Supplied data Start Marker
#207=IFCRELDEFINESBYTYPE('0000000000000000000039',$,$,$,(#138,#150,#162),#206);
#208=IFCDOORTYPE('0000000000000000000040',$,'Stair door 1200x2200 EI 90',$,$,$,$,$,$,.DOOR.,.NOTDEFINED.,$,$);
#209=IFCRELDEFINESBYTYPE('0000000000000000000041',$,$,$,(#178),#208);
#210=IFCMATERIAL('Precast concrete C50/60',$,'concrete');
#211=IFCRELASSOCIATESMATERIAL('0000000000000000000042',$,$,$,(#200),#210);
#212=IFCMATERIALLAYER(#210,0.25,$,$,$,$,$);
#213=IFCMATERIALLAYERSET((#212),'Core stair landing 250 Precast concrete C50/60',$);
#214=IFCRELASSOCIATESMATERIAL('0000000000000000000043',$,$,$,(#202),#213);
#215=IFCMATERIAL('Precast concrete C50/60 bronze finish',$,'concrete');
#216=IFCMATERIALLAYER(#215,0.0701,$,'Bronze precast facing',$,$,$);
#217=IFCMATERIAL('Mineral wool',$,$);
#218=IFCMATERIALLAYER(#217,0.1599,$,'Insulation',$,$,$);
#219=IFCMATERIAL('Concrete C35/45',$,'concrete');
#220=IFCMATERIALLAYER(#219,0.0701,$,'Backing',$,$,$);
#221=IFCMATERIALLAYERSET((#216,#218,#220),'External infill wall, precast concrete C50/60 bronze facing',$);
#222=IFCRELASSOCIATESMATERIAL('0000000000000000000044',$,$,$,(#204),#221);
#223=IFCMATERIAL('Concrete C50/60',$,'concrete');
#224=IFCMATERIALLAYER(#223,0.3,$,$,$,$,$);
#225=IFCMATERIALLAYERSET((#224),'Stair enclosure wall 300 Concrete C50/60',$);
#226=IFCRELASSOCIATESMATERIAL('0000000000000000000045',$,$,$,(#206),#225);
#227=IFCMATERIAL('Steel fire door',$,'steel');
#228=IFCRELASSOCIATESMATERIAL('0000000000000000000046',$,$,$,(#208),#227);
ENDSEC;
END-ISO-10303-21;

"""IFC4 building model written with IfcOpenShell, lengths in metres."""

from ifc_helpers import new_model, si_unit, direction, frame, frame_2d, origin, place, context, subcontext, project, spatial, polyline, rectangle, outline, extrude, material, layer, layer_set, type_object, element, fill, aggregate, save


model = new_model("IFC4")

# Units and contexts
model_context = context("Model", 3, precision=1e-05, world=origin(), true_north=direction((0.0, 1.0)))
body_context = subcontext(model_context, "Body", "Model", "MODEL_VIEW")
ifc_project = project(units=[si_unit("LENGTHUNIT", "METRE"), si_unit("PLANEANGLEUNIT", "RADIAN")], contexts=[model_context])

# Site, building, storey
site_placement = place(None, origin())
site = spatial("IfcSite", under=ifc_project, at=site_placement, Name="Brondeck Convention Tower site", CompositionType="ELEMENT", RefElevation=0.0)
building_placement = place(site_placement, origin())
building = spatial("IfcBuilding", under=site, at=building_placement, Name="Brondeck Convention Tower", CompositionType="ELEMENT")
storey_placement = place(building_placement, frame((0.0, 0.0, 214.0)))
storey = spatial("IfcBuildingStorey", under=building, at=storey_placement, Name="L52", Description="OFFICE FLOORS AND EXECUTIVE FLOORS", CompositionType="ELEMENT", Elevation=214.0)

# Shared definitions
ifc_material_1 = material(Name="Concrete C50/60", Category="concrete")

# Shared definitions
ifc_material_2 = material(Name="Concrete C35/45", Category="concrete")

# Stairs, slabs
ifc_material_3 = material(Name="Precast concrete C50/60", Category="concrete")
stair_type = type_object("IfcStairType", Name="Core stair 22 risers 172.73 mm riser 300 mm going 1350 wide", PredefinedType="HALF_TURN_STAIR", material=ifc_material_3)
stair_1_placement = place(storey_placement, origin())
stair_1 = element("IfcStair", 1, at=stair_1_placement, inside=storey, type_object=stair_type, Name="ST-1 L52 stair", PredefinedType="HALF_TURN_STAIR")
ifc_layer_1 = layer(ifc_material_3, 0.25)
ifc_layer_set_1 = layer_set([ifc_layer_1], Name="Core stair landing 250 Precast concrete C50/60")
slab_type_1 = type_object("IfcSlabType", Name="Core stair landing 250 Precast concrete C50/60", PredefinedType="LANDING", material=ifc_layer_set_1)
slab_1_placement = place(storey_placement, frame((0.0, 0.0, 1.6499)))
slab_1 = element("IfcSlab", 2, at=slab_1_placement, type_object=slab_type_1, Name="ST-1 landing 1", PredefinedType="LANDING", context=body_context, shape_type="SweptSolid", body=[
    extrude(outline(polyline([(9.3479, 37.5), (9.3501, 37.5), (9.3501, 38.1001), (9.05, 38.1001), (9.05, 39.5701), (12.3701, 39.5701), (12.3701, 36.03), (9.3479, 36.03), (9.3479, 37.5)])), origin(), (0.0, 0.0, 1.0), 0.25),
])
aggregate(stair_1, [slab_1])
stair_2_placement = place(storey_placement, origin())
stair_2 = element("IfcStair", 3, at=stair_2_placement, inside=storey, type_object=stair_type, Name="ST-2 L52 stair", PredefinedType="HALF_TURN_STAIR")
Supplied data End Marker
- Assigned task
What lines in the records contain the word "inside"? Return each one.

- Expected output
stair_1 = element("IfcStair", 1, at=stair_1_placement, inside=storey, type_object=stair_type, Name="ST-1 L52 stair", PredefinedType="HALF_TURN_STAIR")
stair_2 = element("IfcStair", 3, at=stair_2_placement, inside=storey, type_object=stair_type, Name="ST-2 L52 stair", PredefinedType="HALF_TURN_STAIR")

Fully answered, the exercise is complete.